## Your task:
Search the records for the string "Blockwork", then copy each line where it appears.

## Provided information:
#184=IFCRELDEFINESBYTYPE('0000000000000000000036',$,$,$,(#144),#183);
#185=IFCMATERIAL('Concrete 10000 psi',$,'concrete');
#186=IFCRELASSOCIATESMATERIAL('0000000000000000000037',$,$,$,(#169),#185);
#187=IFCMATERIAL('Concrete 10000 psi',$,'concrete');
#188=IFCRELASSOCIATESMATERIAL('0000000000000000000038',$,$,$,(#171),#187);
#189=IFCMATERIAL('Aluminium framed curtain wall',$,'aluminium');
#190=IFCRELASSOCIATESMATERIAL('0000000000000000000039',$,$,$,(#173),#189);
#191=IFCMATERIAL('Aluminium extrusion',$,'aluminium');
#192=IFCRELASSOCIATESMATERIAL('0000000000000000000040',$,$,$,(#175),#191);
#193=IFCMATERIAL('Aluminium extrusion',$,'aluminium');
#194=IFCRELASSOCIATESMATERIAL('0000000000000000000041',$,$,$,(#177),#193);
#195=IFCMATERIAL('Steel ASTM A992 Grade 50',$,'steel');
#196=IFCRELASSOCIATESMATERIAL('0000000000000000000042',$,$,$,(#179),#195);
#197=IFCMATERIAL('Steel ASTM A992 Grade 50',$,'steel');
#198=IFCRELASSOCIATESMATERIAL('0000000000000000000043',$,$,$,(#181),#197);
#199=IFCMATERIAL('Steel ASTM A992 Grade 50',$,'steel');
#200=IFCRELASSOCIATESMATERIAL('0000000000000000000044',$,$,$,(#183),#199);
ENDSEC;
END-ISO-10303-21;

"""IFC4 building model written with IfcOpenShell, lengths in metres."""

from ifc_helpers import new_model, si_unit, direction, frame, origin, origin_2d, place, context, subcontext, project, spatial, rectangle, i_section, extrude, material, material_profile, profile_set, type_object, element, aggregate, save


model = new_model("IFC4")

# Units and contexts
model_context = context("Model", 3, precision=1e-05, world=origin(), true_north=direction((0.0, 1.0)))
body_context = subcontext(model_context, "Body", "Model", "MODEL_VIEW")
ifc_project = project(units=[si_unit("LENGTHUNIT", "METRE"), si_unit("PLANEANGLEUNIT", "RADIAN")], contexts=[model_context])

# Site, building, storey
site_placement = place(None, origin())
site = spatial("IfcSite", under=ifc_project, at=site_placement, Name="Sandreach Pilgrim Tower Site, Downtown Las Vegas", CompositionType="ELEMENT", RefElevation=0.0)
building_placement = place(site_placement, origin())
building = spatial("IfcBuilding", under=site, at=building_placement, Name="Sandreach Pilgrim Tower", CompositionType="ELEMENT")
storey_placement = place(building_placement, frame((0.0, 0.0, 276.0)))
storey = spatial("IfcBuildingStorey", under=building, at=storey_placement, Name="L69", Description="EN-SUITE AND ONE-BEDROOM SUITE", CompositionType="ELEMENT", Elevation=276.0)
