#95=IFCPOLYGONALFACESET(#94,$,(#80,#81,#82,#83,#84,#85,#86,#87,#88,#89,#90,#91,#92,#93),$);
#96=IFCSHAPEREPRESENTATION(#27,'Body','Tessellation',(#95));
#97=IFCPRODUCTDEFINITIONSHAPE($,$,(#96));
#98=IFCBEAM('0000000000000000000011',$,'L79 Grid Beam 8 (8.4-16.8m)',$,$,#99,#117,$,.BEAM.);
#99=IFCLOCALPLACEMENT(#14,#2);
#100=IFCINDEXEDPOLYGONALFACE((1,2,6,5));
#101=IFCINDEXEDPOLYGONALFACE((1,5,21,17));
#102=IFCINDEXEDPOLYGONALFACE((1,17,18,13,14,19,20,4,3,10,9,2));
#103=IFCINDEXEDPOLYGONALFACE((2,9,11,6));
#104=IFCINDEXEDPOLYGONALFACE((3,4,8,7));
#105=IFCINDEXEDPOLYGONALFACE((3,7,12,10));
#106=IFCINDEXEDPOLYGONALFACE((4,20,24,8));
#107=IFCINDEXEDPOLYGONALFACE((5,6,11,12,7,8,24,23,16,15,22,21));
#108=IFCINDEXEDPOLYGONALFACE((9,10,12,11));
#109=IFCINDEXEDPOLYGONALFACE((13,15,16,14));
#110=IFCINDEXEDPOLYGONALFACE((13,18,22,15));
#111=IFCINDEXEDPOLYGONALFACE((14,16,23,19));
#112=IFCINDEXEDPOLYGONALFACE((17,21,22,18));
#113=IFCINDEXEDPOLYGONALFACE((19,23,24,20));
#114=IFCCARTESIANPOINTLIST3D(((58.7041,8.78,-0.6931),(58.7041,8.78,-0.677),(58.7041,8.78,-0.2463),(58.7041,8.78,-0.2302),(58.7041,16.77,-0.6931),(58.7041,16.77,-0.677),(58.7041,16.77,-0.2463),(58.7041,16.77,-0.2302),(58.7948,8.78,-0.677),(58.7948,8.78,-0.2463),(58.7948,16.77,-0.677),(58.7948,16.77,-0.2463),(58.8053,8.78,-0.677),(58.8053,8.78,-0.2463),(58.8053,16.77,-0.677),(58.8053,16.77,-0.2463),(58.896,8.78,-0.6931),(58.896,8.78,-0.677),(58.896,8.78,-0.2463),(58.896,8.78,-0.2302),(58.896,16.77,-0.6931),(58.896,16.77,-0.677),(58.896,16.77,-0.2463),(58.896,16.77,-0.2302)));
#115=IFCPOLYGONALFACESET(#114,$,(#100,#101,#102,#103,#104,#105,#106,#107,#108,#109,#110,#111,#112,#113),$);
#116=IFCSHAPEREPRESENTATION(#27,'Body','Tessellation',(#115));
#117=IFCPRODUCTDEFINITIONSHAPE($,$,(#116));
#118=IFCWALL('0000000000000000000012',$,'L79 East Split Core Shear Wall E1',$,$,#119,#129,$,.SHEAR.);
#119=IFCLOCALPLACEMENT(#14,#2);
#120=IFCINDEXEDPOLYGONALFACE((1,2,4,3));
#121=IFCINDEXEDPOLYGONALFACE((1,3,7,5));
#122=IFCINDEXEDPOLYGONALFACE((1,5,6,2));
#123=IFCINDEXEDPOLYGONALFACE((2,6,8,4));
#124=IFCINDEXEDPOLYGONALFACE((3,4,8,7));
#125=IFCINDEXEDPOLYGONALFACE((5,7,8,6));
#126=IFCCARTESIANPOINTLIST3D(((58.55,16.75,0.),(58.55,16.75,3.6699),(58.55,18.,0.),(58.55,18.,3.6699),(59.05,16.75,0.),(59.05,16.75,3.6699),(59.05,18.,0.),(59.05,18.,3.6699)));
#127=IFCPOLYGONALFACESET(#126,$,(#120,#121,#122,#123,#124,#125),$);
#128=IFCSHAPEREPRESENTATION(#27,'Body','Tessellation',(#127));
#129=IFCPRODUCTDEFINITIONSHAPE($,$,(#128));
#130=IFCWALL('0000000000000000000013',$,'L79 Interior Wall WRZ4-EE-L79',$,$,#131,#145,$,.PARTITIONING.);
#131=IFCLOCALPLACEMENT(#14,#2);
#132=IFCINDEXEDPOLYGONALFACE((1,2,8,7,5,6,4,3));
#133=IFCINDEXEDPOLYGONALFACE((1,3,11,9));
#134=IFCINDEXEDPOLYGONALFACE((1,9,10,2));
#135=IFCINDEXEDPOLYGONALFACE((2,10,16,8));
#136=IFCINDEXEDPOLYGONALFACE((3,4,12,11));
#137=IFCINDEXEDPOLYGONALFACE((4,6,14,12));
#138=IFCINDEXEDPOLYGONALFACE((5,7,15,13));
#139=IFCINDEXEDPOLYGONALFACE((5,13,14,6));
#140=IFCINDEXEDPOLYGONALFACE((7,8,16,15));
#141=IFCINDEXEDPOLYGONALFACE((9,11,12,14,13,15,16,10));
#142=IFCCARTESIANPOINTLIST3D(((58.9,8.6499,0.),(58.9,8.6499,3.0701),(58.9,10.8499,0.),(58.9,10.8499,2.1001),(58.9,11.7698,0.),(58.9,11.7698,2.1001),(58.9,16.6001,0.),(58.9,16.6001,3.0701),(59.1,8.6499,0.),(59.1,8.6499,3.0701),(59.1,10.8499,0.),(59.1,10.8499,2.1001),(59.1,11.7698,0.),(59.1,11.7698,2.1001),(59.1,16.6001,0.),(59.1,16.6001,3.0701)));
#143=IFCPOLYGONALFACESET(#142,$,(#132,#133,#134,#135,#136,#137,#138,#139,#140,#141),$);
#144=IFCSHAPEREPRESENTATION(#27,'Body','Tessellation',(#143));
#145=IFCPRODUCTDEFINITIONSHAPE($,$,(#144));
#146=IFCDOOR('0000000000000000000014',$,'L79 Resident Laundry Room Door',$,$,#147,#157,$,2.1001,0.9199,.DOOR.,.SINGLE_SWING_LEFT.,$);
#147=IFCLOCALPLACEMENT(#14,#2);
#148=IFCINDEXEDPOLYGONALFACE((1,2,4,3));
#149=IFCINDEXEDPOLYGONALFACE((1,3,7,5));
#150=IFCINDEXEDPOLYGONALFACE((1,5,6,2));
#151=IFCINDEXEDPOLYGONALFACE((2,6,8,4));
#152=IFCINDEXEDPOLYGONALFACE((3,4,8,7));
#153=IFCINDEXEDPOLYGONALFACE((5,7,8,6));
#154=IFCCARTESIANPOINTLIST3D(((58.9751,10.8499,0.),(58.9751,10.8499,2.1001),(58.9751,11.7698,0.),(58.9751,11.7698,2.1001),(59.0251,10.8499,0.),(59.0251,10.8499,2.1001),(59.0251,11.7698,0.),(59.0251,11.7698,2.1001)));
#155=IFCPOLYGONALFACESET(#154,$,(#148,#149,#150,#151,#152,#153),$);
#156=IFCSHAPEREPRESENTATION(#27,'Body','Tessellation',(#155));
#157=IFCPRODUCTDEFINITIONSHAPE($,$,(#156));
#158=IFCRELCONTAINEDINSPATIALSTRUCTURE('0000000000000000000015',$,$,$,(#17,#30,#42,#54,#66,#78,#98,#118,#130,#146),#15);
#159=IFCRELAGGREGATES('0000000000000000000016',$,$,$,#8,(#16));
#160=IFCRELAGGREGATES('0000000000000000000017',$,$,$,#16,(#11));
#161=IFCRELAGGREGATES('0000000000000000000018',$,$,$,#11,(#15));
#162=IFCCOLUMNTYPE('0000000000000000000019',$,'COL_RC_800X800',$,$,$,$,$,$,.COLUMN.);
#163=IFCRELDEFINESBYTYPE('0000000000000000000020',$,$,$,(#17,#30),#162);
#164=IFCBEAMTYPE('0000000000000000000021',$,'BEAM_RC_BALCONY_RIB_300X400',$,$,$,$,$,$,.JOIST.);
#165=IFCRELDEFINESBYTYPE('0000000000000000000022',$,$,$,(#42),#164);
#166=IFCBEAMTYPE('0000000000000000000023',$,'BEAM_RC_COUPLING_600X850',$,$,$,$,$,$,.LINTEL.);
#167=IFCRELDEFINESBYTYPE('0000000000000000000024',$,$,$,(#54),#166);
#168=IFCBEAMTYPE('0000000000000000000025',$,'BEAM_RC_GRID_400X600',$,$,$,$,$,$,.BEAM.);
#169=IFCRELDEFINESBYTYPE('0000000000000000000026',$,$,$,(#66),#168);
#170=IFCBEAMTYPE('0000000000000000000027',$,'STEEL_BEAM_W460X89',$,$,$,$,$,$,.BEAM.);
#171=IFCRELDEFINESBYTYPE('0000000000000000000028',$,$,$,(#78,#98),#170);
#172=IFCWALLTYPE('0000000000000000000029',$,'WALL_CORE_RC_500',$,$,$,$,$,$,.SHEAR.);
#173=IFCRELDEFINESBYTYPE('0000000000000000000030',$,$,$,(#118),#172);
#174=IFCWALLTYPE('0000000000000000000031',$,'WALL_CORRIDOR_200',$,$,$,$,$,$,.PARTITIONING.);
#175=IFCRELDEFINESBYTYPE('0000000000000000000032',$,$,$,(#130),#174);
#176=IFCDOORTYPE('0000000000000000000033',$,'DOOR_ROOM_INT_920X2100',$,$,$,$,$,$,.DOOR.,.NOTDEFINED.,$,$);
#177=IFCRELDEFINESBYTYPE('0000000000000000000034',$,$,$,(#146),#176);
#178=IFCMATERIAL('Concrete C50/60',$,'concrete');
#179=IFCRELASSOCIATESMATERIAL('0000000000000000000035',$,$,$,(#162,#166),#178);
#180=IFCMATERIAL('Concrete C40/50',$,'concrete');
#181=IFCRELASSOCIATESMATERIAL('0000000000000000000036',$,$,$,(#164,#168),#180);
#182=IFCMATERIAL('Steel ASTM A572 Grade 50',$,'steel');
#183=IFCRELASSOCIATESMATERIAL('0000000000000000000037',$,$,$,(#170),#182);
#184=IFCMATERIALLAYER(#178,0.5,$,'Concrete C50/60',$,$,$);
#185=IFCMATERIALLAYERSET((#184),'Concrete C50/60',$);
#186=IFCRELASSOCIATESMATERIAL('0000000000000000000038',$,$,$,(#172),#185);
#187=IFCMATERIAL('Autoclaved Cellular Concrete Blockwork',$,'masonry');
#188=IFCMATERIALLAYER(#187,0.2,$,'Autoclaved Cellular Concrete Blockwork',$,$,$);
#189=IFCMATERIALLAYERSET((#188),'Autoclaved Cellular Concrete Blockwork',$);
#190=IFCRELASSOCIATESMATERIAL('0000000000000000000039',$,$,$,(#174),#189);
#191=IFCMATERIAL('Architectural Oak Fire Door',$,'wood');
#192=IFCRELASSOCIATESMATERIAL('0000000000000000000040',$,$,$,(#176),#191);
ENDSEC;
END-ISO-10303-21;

## Output of the task:
#187=IFCMATERIAL('Autoclaved Cellular Concrete Blockwork',$,'masonry');
#188=IFCMATERIALLAYER(#187,0.2,$,'Autoclaved Cellular Concrete Blockwork',$,$,$);
#189=IFCMATERIALLAYERSET((#188),'Autoclaved Cellular Concrete Blockwork',$);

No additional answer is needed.